*** Data in this exercise ***

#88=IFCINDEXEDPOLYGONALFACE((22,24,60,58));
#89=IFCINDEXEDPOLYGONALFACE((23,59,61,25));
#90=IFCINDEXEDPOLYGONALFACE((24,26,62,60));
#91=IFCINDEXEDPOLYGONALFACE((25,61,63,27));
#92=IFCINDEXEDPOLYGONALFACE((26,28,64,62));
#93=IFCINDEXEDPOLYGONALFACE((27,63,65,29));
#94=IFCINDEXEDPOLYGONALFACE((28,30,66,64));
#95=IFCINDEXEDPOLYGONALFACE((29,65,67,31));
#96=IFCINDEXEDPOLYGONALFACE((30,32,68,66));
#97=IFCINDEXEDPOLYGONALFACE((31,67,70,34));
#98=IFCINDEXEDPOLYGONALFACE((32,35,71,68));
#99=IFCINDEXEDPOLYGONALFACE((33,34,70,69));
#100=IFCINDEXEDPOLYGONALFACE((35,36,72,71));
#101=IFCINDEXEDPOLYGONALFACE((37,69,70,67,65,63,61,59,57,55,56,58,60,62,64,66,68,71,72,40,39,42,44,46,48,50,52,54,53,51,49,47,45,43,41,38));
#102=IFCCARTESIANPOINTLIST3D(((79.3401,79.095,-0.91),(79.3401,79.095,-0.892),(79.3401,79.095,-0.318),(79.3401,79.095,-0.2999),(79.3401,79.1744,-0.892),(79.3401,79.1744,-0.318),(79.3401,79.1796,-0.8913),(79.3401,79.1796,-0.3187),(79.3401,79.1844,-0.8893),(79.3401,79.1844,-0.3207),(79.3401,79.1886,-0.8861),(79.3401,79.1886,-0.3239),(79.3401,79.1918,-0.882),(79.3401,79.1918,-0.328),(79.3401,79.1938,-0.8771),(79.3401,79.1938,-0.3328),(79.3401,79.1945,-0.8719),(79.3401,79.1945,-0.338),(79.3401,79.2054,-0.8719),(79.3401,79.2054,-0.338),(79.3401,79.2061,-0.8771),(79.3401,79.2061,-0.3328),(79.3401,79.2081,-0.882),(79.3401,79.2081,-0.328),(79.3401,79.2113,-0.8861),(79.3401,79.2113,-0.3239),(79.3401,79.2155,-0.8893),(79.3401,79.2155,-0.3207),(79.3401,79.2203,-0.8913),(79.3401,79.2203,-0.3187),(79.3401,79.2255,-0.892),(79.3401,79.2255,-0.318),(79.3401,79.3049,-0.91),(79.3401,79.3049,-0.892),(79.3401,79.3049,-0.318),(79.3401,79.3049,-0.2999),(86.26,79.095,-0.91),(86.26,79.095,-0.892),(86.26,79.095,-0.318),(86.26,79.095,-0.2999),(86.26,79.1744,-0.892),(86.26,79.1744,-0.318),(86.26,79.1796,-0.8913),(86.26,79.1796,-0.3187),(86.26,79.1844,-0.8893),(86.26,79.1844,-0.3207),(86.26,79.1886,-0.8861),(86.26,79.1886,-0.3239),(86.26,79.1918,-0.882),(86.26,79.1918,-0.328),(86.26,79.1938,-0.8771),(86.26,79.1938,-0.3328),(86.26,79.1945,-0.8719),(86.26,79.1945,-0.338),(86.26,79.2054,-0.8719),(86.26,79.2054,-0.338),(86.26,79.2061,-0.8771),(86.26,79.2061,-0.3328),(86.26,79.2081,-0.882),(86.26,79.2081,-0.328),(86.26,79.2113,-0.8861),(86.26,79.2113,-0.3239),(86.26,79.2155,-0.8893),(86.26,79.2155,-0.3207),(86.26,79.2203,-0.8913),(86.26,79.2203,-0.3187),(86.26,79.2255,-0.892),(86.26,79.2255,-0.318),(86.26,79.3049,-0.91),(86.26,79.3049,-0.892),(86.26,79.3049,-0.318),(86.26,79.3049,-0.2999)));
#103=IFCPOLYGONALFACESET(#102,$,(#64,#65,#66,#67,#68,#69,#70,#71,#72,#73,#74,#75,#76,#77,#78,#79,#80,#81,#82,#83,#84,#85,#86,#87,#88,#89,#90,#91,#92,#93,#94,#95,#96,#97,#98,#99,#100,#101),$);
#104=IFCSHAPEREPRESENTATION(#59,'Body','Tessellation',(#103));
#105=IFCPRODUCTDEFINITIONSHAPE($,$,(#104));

*** End of Data in this exercise ***

What is expected:
From the entries above, return exactly the line containing "#91=IFCINDEXEDPOLYGONALFACE((25,61,63,27));", the line containing "#98=IFCINDEXEDPOLYGONALFACE((32,35,71,68));", and all lines between, and nothing else.

Task result:
#91=IFCINDEXEDPOLYGONALFACE((25,61,63,27));
#92=IFCINDEXEDPOLYGONALFACE((26,28,64,62));
#93=IFCINDEXEDPOLYGONALFACE((27,63,65,29));
#94=IFCINDEXEDPOLYGONALFACE((28,30,66,64));
#95=IFCINDEXEDPOLYGONALFACE((29,65,67,31));
#96=IFCINDEXEDPOLYGONALFACE((30,32,68,66));
#97=IFCINDEXEDPOLYGONALFACE((31,67,70,34));
#98=IFCINDEXEDPOLYGONALFACE((32,35,71,68));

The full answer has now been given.